Exercise brief:
The answer must consist only of the lines from the line with "#77=IFCINDEXEDPOLYGONALFACE((11,12,16,15));" to the line with "#85=IFCINDEXEDPOLYGONALFACE((27,28,32,31));", both included, exactly as they stand below.

*** Exercise input Section Begins ***

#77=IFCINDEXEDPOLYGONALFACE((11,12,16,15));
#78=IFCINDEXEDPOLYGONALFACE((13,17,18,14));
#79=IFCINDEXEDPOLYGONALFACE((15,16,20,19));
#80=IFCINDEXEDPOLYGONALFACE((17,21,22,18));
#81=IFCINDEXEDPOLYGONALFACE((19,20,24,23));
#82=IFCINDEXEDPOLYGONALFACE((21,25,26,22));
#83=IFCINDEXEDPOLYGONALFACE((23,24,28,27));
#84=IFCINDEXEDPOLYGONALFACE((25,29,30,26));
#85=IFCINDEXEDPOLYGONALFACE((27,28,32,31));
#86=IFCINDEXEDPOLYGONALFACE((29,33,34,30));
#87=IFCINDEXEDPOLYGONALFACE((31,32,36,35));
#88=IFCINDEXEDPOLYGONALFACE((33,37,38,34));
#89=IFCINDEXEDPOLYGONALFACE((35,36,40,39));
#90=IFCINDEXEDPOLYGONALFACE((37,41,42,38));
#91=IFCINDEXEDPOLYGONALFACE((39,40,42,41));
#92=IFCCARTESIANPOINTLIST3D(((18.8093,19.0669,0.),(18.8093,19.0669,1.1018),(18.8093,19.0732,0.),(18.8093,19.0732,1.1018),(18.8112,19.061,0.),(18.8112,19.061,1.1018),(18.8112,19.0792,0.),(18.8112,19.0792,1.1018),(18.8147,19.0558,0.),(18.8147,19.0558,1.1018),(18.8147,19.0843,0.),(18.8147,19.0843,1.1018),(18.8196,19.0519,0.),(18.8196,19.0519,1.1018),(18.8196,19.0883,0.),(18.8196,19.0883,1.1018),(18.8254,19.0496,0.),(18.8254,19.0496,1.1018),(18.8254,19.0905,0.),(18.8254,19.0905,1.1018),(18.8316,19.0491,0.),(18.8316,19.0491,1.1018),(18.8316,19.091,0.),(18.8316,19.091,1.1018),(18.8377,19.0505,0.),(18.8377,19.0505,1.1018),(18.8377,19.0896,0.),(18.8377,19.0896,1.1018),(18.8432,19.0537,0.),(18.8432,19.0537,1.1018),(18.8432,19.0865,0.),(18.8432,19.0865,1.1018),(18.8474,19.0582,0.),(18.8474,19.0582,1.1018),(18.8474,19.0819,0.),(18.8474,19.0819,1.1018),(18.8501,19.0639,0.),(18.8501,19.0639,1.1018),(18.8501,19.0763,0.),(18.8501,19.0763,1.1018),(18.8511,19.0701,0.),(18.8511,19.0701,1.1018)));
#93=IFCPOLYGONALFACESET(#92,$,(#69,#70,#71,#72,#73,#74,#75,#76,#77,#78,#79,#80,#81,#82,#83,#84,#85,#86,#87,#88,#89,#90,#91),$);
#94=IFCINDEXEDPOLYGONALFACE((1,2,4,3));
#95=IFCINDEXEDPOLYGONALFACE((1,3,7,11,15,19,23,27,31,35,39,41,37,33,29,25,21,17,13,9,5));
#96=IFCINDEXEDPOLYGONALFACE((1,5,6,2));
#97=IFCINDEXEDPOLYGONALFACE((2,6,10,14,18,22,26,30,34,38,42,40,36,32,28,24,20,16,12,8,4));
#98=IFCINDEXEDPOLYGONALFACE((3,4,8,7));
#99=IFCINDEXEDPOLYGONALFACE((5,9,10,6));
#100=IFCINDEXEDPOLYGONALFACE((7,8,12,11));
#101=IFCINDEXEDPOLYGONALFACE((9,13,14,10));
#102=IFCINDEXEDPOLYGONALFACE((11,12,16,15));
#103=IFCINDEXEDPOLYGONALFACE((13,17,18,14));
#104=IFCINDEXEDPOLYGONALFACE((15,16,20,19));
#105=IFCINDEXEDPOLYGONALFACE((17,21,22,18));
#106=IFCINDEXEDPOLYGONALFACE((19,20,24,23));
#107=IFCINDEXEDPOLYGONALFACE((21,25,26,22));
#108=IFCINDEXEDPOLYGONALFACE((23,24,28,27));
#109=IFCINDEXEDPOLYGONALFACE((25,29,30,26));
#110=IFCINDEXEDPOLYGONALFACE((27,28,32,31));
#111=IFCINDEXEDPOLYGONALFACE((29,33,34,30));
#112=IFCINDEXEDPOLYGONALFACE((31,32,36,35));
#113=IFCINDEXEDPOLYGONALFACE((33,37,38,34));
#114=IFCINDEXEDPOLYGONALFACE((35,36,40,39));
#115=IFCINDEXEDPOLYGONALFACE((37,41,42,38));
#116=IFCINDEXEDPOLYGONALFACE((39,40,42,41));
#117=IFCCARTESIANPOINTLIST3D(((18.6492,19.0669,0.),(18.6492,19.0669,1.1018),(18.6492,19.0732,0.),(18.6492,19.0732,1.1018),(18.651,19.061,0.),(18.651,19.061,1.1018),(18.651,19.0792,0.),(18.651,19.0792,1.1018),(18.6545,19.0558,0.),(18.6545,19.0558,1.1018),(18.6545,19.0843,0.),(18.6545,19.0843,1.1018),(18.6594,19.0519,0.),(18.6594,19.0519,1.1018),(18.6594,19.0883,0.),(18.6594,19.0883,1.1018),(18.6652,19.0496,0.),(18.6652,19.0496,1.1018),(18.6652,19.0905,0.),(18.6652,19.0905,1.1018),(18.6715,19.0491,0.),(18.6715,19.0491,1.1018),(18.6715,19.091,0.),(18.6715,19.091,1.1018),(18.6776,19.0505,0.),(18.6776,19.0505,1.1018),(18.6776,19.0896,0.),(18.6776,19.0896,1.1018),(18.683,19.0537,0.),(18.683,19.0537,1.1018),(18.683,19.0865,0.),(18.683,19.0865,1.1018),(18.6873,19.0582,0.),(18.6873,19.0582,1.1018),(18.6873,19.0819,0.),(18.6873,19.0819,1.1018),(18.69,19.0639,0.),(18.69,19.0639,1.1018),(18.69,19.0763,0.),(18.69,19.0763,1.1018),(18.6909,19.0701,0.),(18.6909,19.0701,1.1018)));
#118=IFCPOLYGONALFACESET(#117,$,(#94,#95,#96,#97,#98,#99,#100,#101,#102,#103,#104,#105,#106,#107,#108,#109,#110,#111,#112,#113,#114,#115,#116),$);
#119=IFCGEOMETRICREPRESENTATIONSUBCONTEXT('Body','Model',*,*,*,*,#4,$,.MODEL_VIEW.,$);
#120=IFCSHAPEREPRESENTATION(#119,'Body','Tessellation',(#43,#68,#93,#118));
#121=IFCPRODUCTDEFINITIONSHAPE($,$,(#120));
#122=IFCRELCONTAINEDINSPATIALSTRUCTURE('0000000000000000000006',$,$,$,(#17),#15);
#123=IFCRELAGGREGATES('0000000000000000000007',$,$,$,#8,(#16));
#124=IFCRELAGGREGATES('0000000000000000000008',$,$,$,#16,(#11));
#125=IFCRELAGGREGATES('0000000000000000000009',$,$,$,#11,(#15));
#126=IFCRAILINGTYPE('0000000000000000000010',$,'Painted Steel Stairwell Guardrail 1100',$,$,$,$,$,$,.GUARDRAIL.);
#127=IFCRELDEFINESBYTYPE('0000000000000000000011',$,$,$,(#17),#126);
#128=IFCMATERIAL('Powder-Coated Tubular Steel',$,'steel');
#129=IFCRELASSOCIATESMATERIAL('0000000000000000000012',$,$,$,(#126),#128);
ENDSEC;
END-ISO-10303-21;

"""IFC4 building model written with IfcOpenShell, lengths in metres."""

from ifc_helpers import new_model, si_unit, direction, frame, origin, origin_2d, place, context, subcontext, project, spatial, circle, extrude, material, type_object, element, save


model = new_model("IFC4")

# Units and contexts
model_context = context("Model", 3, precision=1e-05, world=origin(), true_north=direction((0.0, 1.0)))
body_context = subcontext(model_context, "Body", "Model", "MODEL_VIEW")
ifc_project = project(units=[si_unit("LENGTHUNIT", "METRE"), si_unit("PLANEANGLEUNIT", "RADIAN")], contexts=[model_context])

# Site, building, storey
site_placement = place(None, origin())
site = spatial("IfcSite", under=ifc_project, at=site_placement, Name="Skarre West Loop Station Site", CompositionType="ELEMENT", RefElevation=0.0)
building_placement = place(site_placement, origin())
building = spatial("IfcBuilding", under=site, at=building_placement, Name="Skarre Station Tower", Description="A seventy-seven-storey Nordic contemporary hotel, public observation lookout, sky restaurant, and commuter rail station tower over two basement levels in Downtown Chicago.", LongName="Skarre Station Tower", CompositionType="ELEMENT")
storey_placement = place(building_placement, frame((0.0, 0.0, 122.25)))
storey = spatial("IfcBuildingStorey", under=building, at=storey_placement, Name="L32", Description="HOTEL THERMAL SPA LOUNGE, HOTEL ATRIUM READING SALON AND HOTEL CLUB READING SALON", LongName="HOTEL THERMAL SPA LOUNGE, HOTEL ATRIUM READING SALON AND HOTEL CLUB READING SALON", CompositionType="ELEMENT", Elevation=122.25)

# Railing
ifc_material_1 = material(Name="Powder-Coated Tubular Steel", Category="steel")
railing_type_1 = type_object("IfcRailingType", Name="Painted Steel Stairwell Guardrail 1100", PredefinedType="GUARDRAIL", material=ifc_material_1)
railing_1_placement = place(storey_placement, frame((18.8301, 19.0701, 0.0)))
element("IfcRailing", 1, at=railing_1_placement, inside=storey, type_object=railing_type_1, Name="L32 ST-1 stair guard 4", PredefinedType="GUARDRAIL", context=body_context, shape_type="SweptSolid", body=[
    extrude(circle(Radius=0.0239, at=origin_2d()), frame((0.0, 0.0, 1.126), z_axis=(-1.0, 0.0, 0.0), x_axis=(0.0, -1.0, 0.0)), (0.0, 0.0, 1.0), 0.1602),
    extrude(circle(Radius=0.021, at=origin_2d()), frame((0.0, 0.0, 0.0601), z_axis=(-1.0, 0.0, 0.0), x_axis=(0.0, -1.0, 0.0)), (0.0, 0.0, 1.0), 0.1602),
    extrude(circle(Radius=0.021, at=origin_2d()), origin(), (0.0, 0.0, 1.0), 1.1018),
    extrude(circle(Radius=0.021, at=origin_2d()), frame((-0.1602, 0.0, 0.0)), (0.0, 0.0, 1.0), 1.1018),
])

*** Exercise input Section Ends ***
*** Exercise input Section Begins ***

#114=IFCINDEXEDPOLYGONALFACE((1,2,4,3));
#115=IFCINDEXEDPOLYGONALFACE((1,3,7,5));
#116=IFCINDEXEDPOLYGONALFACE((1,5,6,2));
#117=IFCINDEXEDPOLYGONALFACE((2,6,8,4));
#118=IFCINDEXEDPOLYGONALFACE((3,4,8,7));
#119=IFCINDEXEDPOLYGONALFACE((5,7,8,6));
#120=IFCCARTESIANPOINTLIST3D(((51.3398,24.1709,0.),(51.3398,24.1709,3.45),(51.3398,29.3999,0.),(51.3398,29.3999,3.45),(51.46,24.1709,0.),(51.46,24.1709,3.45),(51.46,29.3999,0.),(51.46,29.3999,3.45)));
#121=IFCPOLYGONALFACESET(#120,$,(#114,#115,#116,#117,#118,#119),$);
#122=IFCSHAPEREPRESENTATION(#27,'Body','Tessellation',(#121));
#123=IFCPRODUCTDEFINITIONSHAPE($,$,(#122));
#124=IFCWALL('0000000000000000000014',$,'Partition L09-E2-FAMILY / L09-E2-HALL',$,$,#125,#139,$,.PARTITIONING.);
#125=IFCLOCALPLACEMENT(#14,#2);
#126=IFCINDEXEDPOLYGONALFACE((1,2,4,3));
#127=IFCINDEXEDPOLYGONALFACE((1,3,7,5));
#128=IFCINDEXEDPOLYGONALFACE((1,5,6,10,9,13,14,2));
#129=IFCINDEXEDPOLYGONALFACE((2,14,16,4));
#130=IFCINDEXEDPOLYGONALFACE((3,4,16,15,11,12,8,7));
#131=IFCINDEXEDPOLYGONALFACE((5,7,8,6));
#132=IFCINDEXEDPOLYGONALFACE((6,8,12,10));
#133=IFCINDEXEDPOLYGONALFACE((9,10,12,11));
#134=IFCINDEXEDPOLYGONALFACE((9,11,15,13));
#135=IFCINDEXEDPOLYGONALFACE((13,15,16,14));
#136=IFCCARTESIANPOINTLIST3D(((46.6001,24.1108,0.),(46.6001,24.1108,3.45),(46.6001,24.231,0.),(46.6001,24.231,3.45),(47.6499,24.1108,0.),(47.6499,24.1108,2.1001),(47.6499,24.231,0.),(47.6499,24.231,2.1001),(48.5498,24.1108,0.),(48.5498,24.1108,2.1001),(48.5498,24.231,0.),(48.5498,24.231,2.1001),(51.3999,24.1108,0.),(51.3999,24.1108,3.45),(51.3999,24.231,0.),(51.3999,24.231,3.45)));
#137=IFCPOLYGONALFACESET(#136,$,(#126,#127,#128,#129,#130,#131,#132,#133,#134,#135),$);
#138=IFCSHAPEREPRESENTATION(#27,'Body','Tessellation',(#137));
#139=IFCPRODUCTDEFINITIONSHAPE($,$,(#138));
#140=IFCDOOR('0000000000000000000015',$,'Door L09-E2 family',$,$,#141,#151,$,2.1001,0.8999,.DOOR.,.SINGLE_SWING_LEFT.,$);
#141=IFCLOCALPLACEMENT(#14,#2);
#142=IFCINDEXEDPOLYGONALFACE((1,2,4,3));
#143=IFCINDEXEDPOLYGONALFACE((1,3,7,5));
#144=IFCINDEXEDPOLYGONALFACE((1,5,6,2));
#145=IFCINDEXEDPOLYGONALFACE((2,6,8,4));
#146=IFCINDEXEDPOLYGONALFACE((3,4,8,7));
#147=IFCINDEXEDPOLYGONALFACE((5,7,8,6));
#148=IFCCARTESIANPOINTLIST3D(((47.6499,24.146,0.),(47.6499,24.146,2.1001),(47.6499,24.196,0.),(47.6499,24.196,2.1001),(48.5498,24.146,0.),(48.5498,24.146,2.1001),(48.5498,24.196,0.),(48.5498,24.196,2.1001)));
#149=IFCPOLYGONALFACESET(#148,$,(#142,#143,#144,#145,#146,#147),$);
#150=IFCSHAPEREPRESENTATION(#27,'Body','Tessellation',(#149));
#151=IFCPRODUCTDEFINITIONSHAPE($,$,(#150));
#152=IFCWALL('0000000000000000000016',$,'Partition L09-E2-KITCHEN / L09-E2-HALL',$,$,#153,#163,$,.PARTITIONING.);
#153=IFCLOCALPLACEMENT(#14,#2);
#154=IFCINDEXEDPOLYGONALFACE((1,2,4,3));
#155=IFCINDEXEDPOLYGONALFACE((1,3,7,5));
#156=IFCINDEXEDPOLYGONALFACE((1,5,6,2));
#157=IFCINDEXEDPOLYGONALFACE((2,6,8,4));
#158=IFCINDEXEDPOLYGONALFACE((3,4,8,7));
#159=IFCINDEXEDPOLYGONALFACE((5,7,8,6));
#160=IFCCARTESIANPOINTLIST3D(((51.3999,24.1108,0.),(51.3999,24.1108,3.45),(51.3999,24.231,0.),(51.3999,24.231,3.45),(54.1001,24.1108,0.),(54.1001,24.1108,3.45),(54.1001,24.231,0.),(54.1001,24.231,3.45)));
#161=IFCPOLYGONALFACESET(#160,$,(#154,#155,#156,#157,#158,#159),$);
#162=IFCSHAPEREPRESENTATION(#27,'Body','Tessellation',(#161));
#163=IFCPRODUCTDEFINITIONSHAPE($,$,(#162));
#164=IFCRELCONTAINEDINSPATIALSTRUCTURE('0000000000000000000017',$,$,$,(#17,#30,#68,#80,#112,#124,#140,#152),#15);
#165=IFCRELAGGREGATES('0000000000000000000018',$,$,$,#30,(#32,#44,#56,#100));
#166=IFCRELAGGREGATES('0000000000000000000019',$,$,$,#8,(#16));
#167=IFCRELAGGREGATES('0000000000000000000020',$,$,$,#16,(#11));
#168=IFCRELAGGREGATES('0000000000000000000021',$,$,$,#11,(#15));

*** Exercise input Section Ends ***

Answer section:
#77=IFCINDEXEDPOLYGONALFACE((11,12,16,15));
#78=IFCINDEXEDPOLYGONALFACE((13,17,18,14));
#79=IFCINDEXEDPOLYGONALFACE((15,16,20,19));
#80=IFCINDEXEDPOLYGONALFACE((17,21,22,18));
#81=IFCINDEXEDPOLYGONALFACE((19,20,24,23));
#82=IFCINDEXEDPOLYGONALFACE((21,25,26,22));
#83=IFCINDEXEDPOLYGONALFACE((23,24,28,27));
#84=IFCINDEXEDPOLYGONALFACE((25,29,30,26));
#85=IFCINDEXEDPOLYGONALFACE((27,28,32,31));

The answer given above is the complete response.